▶ PROBLEM DESCRIPTION
The answer must be a single number, namely how many lines in the entries below contain the string "IFCRELAGGREGATES".
---- SUPPLIED RECORDS
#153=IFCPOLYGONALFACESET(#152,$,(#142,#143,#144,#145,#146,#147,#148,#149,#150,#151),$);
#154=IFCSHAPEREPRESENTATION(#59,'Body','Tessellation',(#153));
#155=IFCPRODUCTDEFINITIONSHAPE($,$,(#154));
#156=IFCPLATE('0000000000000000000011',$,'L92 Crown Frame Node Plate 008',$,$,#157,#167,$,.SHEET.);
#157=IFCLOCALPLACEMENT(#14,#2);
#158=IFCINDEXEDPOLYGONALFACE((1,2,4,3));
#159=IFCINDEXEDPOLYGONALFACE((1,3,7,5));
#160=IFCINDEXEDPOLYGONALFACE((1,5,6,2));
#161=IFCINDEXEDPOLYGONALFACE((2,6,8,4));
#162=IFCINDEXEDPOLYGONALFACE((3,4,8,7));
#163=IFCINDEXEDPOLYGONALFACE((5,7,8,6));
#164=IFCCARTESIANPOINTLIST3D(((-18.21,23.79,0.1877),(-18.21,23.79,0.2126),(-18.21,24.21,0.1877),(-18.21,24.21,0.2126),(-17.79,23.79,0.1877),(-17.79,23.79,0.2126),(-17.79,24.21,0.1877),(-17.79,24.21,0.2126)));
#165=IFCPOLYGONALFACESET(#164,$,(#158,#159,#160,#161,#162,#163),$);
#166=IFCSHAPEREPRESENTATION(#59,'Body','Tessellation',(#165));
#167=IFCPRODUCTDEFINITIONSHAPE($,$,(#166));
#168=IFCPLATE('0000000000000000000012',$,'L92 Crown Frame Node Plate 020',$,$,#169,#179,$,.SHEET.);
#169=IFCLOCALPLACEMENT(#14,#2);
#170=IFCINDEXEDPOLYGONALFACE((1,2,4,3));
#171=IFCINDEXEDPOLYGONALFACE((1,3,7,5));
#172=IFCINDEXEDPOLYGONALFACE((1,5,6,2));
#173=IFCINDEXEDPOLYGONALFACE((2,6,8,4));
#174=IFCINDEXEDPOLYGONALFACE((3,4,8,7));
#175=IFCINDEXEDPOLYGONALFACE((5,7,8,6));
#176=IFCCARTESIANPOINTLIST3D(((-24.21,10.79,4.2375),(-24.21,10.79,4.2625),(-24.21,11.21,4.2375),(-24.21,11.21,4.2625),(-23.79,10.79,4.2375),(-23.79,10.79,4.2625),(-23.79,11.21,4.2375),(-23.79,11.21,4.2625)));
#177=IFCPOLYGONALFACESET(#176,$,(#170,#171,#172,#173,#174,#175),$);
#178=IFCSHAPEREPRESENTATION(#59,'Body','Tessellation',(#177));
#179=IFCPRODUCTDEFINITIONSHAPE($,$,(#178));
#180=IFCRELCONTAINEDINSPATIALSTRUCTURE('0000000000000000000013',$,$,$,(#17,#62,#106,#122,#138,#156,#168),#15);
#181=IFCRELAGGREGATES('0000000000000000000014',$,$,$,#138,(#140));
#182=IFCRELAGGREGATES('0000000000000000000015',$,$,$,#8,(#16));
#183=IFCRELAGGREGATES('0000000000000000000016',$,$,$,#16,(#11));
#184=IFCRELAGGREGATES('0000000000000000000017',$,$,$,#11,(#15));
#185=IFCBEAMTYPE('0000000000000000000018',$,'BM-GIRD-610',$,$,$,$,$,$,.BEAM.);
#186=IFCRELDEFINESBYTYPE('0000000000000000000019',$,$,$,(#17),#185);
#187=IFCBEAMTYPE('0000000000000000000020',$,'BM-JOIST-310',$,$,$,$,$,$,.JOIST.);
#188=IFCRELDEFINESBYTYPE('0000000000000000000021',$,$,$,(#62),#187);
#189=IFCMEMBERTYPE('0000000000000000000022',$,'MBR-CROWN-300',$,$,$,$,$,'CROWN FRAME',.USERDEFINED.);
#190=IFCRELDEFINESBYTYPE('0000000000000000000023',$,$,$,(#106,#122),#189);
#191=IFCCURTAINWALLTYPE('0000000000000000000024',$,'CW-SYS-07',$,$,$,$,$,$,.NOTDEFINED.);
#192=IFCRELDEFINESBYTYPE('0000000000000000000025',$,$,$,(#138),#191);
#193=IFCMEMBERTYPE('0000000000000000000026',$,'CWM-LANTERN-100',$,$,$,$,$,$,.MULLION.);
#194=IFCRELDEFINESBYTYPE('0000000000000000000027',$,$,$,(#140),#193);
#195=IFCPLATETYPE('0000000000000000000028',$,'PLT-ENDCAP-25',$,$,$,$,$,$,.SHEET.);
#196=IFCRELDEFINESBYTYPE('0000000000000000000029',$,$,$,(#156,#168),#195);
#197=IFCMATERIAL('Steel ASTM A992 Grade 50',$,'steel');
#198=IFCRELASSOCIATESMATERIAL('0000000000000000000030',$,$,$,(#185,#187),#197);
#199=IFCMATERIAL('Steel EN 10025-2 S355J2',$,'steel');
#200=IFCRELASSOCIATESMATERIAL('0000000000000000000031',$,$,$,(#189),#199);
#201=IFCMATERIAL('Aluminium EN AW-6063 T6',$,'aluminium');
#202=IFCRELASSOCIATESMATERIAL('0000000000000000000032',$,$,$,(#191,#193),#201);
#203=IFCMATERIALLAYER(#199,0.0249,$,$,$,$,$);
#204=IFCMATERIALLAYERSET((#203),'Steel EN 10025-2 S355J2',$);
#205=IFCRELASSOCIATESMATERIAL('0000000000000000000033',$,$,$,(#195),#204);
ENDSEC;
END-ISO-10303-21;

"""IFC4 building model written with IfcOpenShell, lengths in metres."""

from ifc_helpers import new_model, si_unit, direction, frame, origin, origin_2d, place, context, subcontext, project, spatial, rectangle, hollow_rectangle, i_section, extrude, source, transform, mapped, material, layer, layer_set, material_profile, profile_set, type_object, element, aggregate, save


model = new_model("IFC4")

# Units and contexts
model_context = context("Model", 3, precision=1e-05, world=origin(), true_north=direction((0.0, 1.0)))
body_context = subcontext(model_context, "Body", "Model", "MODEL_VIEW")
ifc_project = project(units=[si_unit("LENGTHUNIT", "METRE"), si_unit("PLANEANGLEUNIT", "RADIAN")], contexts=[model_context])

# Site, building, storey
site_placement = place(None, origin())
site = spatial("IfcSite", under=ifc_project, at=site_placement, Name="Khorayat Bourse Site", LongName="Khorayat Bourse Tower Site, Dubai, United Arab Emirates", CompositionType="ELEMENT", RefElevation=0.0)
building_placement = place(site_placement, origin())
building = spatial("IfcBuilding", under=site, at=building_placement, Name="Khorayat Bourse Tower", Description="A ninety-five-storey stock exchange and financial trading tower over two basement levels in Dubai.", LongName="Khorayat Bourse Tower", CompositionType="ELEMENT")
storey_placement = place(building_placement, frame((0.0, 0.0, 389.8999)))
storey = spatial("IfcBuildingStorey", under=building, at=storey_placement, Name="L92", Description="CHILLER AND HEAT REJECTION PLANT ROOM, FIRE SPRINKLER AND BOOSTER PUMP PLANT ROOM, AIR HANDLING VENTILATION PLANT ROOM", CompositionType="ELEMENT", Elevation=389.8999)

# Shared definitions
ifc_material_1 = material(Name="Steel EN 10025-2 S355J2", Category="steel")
--------
▶ ANSWER BELOW
4